(Saved entries)
_ _ _ _

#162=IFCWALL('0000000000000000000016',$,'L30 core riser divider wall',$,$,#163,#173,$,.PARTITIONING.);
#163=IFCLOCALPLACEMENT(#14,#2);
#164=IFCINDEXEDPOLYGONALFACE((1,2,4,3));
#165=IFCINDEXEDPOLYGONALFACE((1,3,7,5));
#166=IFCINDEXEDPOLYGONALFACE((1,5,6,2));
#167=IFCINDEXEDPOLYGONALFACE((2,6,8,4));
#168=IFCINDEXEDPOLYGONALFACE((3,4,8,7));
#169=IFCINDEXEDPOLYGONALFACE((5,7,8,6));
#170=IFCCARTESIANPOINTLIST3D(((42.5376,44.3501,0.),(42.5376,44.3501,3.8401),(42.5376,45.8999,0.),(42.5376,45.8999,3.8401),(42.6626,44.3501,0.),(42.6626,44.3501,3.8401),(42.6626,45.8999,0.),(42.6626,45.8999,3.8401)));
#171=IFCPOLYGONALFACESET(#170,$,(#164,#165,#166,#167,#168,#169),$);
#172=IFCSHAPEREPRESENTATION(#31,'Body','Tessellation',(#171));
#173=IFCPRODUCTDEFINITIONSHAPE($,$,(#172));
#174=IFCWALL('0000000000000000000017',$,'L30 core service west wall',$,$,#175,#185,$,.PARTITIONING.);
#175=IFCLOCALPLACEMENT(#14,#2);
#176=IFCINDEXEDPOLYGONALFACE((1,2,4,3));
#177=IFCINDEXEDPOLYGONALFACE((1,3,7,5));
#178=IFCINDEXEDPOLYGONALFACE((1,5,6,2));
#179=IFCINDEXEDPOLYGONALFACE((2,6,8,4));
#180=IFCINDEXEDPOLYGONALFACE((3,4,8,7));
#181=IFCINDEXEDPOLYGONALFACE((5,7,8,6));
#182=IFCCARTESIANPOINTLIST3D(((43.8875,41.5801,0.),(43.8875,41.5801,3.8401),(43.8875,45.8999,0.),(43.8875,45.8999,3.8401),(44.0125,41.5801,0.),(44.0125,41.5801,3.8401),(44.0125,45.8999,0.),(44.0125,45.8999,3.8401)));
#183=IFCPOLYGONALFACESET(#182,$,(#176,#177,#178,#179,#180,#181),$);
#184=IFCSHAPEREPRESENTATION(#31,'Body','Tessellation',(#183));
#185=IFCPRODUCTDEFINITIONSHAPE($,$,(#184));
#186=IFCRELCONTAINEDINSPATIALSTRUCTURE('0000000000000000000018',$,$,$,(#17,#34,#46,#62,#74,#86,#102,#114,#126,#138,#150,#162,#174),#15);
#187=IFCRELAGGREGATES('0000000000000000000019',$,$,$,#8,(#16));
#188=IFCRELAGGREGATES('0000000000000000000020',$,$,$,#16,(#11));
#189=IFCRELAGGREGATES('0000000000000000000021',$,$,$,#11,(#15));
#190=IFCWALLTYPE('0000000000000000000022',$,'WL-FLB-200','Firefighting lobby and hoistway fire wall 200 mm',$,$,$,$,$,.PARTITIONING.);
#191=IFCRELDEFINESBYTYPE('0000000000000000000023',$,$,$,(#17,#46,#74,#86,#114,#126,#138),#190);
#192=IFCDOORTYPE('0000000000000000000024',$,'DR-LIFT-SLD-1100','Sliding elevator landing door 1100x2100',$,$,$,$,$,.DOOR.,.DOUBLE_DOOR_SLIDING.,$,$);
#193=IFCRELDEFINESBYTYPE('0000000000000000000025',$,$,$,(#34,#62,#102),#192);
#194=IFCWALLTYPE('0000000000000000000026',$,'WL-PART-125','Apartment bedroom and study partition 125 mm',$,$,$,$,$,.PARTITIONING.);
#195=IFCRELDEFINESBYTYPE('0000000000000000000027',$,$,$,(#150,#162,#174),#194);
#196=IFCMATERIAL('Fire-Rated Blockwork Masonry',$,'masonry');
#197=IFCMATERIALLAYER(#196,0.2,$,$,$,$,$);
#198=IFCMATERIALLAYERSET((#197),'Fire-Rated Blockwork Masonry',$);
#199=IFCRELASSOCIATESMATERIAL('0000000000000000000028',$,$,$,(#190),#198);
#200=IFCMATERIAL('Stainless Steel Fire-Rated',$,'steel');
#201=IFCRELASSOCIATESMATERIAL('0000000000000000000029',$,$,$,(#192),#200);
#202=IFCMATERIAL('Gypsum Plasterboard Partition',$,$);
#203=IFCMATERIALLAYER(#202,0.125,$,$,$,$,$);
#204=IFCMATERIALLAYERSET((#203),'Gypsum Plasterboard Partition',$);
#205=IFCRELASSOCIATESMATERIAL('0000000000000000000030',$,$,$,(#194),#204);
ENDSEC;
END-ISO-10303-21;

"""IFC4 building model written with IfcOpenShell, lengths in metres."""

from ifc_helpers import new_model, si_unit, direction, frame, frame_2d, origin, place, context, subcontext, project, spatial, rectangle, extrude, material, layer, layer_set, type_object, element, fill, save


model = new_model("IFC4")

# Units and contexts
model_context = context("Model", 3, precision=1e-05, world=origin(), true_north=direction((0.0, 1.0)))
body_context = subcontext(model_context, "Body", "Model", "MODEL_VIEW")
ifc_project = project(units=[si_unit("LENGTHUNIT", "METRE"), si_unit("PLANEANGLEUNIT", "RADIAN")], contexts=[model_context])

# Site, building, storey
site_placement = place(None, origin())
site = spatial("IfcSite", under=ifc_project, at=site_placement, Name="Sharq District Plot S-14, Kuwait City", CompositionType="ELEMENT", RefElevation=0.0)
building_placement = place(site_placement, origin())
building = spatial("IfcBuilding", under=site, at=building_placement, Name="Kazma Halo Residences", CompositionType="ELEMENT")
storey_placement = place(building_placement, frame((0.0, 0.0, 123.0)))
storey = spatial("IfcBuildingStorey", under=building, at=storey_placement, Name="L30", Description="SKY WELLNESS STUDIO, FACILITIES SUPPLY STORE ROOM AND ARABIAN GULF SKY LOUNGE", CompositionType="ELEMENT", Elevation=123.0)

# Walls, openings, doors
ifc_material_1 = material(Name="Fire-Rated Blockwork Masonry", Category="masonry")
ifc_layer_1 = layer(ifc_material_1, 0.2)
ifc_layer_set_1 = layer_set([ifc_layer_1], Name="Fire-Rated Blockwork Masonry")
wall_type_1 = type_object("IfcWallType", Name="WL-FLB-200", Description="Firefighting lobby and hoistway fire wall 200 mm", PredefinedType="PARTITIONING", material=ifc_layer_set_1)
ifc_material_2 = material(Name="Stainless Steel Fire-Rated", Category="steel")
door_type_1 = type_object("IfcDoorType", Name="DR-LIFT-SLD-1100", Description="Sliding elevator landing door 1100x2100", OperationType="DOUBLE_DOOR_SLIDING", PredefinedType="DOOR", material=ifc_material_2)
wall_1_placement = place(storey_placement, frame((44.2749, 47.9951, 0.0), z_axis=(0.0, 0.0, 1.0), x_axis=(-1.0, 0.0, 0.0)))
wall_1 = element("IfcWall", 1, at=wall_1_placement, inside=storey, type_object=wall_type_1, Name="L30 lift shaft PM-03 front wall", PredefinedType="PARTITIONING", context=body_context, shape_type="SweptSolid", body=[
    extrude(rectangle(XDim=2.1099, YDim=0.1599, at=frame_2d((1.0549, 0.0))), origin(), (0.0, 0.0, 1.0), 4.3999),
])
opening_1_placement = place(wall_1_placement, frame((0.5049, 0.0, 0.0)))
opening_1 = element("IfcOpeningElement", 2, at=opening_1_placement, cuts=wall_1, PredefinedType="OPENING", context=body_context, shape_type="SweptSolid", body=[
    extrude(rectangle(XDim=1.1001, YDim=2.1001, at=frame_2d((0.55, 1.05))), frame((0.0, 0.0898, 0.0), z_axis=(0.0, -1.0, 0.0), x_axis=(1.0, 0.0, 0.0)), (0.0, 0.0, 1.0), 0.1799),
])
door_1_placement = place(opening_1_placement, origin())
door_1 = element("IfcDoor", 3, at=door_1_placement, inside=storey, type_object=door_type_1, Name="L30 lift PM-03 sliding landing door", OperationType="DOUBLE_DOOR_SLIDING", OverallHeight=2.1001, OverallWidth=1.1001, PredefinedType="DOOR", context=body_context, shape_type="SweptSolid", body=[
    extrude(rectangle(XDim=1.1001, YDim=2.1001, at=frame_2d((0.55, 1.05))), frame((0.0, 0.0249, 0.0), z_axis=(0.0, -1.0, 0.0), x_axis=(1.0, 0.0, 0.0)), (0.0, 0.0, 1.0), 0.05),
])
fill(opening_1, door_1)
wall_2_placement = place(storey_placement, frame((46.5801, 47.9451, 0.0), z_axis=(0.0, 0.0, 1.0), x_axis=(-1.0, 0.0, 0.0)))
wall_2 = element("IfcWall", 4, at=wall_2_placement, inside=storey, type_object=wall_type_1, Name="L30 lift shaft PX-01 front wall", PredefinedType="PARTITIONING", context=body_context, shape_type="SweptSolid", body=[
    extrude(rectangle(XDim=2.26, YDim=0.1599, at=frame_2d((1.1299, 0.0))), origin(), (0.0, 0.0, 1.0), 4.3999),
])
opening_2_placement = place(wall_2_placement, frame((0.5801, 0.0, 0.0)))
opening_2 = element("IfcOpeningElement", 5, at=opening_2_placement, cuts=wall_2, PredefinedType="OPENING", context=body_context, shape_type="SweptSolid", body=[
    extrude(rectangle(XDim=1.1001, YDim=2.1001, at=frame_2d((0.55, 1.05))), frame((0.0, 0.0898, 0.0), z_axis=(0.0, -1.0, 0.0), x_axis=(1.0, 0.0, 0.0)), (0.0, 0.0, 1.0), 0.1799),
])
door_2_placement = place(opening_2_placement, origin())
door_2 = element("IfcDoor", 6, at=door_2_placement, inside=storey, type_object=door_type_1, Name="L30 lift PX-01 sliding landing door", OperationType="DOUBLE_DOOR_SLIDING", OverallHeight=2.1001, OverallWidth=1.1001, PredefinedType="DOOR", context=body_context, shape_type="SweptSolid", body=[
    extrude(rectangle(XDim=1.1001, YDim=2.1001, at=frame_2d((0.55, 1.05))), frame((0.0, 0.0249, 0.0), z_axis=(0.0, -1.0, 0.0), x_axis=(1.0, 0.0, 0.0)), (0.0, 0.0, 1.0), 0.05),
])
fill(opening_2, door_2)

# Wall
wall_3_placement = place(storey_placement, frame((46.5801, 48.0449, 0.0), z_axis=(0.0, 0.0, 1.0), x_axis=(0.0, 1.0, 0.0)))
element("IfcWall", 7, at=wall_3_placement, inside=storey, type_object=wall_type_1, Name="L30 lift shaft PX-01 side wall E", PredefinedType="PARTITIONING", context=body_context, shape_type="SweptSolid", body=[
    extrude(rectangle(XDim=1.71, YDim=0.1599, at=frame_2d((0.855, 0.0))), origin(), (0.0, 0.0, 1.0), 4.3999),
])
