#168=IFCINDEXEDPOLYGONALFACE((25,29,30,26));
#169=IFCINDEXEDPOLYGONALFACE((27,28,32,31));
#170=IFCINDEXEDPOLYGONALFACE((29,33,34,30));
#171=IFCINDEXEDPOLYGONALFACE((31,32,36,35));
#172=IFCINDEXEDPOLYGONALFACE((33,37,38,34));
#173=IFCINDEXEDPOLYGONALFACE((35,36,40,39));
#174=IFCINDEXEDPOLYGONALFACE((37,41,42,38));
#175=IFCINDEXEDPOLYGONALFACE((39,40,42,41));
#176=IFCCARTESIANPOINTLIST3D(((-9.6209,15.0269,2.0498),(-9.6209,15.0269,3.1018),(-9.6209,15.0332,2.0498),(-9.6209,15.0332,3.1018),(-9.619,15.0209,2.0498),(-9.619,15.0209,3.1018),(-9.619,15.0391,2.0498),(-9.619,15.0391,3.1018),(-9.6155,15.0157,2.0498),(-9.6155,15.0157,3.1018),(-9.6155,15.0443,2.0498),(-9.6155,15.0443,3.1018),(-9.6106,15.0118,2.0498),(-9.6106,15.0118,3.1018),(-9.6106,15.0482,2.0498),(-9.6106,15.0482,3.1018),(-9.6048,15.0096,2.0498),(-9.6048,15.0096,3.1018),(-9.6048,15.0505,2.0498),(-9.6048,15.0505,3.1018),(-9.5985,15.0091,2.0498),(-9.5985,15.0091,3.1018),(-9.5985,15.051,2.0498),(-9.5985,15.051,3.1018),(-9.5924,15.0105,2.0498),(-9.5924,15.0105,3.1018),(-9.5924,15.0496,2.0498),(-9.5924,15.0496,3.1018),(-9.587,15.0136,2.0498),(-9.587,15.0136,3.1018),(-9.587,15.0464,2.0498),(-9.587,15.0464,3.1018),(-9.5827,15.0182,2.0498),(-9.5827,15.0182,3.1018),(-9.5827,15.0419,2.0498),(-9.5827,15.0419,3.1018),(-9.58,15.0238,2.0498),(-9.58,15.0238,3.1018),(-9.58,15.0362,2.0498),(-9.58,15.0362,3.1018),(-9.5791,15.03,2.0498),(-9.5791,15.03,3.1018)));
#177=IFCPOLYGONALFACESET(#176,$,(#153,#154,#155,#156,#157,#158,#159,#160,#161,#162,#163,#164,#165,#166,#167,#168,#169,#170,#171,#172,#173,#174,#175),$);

_ _ _ _

• [PROBLEM TO SOLVE] Copy out each line of the data in which the word "IFCMATERIALLAYERSET" appears.

• [RESPONSE BELOW]
#198=IFCMATERIALLAYERSET((#197),'Fire-Rated Blockwork Masonry',$);
#204=IFCMATERIALLAYERSET((#203),'Gypsum Plasterboard Partition',$);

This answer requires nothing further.